▸ **Problem description**
The listing below is to be transcribed exactly.

(Records shown)

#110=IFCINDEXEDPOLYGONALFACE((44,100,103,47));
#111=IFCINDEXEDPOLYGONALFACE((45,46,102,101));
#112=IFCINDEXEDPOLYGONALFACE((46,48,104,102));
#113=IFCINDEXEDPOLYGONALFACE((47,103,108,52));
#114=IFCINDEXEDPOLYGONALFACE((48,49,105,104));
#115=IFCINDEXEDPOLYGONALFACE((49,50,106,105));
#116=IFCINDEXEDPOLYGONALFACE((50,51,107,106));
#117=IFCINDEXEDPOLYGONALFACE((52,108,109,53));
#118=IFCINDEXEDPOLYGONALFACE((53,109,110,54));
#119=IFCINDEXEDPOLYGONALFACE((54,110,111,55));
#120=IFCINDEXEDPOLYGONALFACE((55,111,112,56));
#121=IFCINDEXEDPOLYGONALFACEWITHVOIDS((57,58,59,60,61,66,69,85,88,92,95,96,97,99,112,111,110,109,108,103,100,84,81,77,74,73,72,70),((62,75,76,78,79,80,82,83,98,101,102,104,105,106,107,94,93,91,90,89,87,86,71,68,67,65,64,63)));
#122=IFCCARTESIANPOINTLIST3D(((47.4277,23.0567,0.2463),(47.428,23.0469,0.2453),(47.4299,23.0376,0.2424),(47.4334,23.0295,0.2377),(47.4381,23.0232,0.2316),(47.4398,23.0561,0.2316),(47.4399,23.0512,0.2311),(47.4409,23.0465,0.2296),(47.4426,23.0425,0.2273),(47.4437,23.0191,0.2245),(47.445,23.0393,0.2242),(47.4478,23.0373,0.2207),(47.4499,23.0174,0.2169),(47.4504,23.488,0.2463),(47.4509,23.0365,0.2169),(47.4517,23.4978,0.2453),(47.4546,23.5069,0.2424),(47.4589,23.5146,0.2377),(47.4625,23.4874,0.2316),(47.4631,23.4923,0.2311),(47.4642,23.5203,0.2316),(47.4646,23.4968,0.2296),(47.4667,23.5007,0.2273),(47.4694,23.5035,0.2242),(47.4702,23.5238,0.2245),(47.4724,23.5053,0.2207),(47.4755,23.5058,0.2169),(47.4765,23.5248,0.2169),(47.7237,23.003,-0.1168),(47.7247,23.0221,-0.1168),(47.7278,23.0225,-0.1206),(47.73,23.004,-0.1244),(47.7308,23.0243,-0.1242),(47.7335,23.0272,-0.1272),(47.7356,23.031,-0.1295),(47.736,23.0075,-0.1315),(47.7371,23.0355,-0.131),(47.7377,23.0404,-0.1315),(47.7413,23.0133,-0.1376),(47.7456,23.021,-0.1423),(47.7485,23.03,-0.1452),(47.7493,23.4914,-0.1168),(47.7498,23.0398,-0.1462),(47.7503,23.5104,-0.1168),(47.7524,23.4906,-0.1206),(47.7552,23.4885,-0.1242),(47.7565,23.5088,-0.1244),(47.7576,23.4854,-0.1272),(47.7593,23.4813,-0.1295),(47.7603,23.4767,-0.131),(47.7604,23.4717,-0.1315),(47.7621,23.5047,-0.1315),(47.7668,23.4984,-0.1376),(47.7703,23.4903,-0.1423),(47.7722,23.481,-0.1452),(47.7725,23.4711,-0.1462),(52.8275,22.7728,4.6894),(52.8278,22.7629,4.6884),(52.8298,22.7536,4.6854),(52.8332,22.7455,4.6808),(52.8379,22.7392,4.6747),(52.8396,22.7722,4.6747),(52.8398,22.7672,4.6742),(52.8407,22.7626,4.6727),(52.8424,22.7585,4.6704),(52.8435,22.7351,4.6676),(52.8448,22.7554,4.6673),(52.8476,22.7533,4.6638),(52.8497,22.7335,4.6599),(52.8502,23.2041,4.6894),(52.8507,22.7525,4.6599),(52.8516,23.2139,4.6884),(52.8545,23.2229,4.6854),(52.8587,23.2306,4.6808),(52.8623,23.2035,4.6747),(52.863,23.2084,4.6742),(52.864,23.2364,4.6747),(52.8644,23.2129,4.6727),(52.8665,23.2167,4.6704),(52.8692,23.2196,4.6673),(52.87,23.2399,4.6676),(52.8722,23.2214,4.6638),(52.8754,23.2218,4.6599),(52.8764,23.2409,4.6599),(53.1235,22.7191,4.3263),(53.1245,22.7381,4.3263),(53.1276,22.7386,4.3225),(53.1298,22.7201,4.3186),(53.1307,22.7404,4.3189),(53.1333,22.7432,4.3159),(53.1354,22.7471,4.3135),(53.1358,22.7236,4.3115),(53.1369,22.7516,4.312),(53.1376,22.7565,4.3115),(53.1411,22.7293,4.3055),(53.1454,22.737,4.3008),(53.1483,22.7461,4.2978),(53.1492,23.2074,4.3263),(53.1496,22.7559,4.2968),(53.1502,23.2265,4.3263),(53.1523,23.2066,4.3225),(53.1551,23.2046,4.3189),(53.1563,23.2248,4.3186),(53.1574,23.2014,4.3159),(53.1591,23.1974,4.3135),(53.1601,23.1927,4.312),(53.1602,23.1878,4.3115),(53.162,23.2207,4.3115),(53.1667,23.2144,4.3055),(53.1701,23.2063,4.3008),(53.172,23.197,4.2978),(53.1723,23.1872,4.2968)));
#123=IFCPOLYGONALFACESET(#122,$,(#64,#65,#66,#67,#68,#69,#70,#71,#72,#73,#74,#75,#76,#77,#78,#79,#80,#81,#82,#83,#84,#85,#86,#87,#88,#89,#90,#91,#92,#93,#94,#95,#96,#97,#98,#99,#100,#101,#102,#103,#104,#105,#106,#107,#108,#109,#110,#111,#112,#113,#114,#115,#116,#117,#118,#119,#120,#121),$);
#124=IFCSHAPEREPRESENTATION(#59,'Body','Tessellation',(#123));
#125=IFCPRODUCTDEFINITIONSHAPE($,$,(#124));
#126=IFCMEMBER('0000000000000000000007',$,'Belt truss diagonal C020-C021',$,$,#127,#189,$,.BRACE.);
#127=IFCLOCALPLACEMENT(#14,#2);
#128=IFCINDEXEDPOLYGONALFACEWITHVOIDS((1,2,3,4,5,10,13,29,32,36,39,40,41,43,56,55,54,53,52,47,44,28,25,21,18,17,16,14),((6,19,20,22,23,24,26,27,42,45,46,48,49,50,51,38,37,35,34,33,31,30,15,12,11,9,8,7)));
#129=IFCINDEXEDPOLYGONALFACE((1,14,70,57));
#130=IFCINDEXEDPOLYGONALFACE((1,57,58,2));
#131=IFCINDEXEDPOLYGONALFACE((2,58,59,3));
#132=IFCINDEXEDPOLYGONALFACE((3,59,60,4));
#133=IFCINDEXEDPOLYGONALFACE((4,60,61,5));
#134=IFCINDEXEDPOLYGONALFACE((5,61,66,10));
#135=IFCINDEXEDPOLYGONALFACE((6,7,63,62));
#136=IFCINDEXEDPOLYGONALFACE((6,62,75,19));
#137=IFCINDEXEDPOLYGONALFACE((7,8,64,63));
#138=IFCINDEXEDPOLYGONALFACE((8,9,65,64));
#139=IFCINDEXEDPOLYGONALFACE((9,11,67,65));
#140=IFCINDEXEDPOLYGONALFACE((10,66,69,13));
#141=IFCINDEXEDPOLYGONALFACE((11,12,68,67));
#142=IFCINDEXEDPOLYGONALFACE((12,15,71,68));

(End Records shown)

▸ **Your response**
#110=IFCINDEXEDPOLYGONALFACE((44,100,103,47));
#111=IFCINDEXEDPOLYGONALFACE((45,46,102,101));
#112=IFCINDEXEDPOLYGONALFACE((46,48,104,102));
#113=IFCINDEXEDPOLYGONALFACE((47,103,108,52));
#114=IFCINDEXEDPOLYGONALFACE((48,49,105,104));
#115=IFCINDEXEDPOLYGONALFACE((49,50,106,105));
#116=IFCINDEXEDPOLYGONALFACE((50,51,107,106));
#117=IFCINDEXEDPOLYGONALFACE((52,108,109,53));
#118=IFCINDEXEDPOLYGONALFACE((53,109,110,54));
#119=IFCINDEXEDPOLYGONALFACE((54,110,111,55));
#120=IFCINDEXEDPOLYGONALFACE((55,111,112,56));
#121=IFCINDEXEDPOLYGONALFACEWITHVOIDS((57,58,59,60,61,66,69,85,88,92,95,96,97,99,112,111,110,109,108,103,100,84,81,77,74,73,72,70),((62,75,76,78,79,80,82,83,98,101,102,104,105,106,107,94,93,91,90,89,87,86,71,68,67,65,64,63)));
#122=IFCCARTESIANPOINTLIST3D(((47.4277,23.0567,0.2463),(47.428,23.0469,0.2453),(47.4299,23.0376,0.2424),(47.4334,23.0295,0.2377),(47.4381,23.0232,0.2316),(47.4398,23.0561,0.2316),(47.4399,23.0512,0.2311),(47.4409,23.0465,0.2296),(47.4426,23.0425,0.2273),(47.4437,23.0191,0.2245),(47.445,23.0393,0.2242),(47.4478,23.0373,0.2207),(47.4499,23.0174,0.2169),(47.4504,23.488,0.2463),(47.4509,23.0365,0.2169),(47.4517,23.4978,0.2453),(47.4546,23.5069,0.2424),(47.4589,23.5146,0.2377),(47.4625,23.4874,0.2316),(47.4631,23.4923,0.2311),(47.4642,23.5203,0.2316),(47.4646,23.4968,0.2296),(47.4667,23.5007,0.2273),(47.4694,23.5035,0.2242),(47.4702,23.5238,0.2245),(47.4724,23.5053,0.2207),(47.4755,23.5058,0.2169),(47.4765,23.5248,0.2169),(47.7237,23.003,-0.1168),(47.7247,23.0221,-0.1168),(47.7278,23.0225,-0.1206),(47.73,23.004,-0.1244),(47.7308,23.0243,-0.1242),(47.7335,23.0272,-0.1272),(47.7356,23.031,-0.1295),(47.736,23.0075,-0.1315),(47.7371,23.0355,-0.131),(47.7377,23.0404,-0.1315),(47.7413,23.0133,-0.1376),(47.7456,23.021,-0.1423),(47.7485,23.03,-0.1452),(47.7493,23.4914,-0.1168),(47.7498,23.0398,-0.1462),(47.7503,23.5104,-0.1168),(47.7524,23.4906,-0.1206),(47.7552,23.4885,-0.1242),(47.7565,23.5088,-0.1244),(47.7576,23.4854,-0.1272),(47.7593,23.4813,-0.1295),(47.7603,23.4767,-0.131),(47.7604,23.4717,-0.1315),(47.7621,23.5047,-0.1315),(47.7668,23.4984,-0.1376),(47.7703,23.4903,-0.1423),(47.7722,23.481,-0.1452),(47.7725,23.4711,-0.1462),(52.8275,22.7728,4.6894),(52.8278,22.7629,4.6884),(52.8298,22.7536,4.6854),(52.8332,22.7455,4.6808),(52.8379,22.7392,4.6747),(52.8396,22.7722,4.6747),(52.8398,22.7672,4.6742),(52.8407,22.7626,4.6727),(52.8424,22.7585,4.6704),(52.8435,22.7351,4.6676),(52.8448,22.7554,4.6673),(52.8476,22.7533,4.6638),(52.8497,22.7335,4.6599),(52.8502,23.2041,4.6894),(52.8507,22.7525,4.6599),(52.8516,23.2139,4.6884),(52.8545,23.2229,4.6854),(52.8587,23.2306,4.6808),(52.8623,23.2035,4.6747),(52.863,23.2084,4.6742),(52.864,23.2364,4.6747),(52.8644,23.2129,4.6727),(52.8665,23.2167,4.6704),(52.8692,23.2196,4.6673),(52.87,23.2399,4.6676),(52.8722,23.2214,4.6638),(52.8754,23.2218,4.6599),(52.8764,23.2409,4.6599),(53.1235,22.7191,4.3263),(53.1245,22.7381,4.3263),(53.1276,22.7386,4.3225),(53.1298,22.7201,4.3186),(53.1307,22.7404,4.3189),(53.1333,22.7432,4.3159),(53.1354,22.7471,4.3135),(53.1358,22.7236,4.3115),(53.1369,22.7516,4.312),(53.1376,22.7565,4.3115),(53.1411,22.7293,4.3055),(53.1454,22.737,4.3008),(53.1483,22.7461,4.2978),(53.1492,23.2074,4.3263),(53.1496,22.7559,4.2968),(53.1502,23.2265,4.3263),(53.1523,23.2066,4.3225),(53.1551,23.2046,4.3189),(53.1563,23.2248,4.3186),(53.1574,23.2014,4.3159),(53.1591,23.1974,4.3135),(53.1601,23.1927,4.312),(53.1602,23.1878,4.3115),(53.162,23.2207,4.3115),(53.1667,23.2144,4.3055),(53.1701,23.2063,4.3008),(53.172,23.197,4.2978),(53.1723,23.1872,4.2968)));
#123=IFCPOLYGONALFACESET(#122,$,(#64,#65,#66,#67,#68,#69,#70,#71,#72,#73,#74,#75,#76,#77,#78,#79,#80,#81,#82,#83,#84,#85,#86,#87,#88,#89,#90,#91,#92,#93,#94,#95,#96,#97,#98,#99,#100,#101,#102,#103,#104,#105,#106,#107,#108,#109,#110,#111,#112,#113,#114,#115,#116,#117,#118,#119,#120,#121),$);
#124=IFCSHAPEREPRESENTATION(#59,'Body','Tessellation',(#123));
#125=IFCPRODUCTDEFINITIONSHAPE($,$,(#124));
#126=IFCMEMBER('0000000000000000000007',$,'Belt truss diagonal C020-C021',$,$,#127,#189,$,.BRACE.);
#127=IFCLOCALPLACEMENT(#14,#2);
#128=IFCINDEXEDPOLYGONALFACEWITHVOIDS((1,2,3,4,5,10,13,29,32,36,39,40,41,43,56,55,54,53,52,47,44,28,25,21,18,17,16,14),((6,19,20,22,23,24,26,27,42,45,46,48,49,50,51,38,37,35,34,33,31,30,15,12,11,9,8,7)));
#129=IFCINDEXEDPOLYGONALFACE((1,14,70,57));
#130=IFCINDEXEDPOLYGONALFACE((1,57,58,2));
#131=IFCINDEXEDPOLYGONALFACE((2,58,59,3));
#132=IFCINDEXEDPOLYGONALFACE((3,59,60,4));
#133=IFCINDEXEDPOLYGONALFACE((4,60,61,5));
#134=IFCINDEXEDPOLYGONALFACE((5,61,66,10));
#135=IFCINDEXEDPOLYGONALFACE((6,7,63,62));
#136=IFCINDEXEDPOLYGONALFACE((6,62,75,19));
#137=IFCINDEXEDPOLYGONALFACE((7,8,64,63));
#138=IFCINDEXEDPOLYGONALFACE((8,9,65,64));
#139=IFCINDEXEDPOLYGONALFACE((9,11,67,65));
#140=IFCINDEXEDPOLYGONALFACE((10,66,69,13));
#141=IFCINDEXEDPOLYGONALFACE((11,12,68,67));
#142=IFCINDEXEDPOLYGONALFACE((12,15,71,68));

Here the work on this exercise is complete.